→ Task brief: Wherever a line in the records below contains "project", copy that line.

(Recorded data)
# # # #

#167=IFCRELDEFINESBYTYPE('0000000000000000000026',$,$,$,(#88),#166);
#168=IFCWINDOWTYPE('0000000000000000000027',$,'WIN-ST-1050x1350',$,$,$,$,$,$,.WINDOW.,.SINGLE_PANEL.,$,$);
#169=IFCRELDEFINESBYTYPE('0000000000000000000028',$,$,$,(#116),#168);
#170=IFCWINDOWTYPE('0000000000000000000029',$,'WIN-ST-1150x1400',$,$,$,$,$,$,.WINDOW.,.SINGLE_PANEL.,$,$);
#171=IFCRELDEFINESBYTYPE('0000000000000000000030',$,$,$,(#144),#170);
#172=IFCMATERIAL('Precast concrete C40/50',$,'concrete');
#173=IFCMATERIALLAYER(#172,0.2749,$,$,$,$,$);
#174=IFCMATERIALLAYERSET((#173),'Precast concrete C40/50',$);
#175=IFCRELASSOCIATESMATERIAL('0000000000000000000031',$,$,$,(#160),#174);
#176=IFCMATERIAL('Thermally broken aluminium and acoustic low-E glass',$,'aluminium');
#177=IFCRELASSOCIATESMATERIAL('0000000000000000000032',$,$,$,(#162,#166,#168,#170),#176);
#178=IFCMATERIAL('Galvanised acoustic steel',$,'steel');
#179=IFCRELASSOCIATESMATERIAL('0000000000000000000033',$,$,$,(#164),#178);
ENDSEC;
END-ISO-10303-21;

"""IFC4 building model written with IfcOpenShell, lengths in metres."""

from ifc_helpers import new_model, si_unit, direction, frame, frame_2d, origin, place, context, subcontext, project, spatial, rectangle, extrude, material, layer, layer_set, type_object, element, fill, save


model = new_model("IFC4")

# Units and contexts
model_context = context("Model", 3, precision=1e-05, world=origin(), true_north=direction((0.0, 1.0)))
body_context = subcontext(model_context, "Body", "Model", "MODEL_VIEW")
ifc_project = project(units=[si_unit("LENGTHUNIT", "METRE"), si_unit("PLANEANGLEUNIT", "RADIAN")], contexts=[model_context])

# # # #

→ The completed task:
from ifc_helpers import new_model, si_unit, direction, frame, frame_2d, origin, place, context, subcontext, project, spatial, rectangle, extrude, material, layer, layer_set, type_object, element, fill, save
ifc_project = project(units=[si_unit("LENGTHUNIT", "METRE"), si_unit("PLANEANGLEUNIT", "RADIAN")], contexts=[model_context])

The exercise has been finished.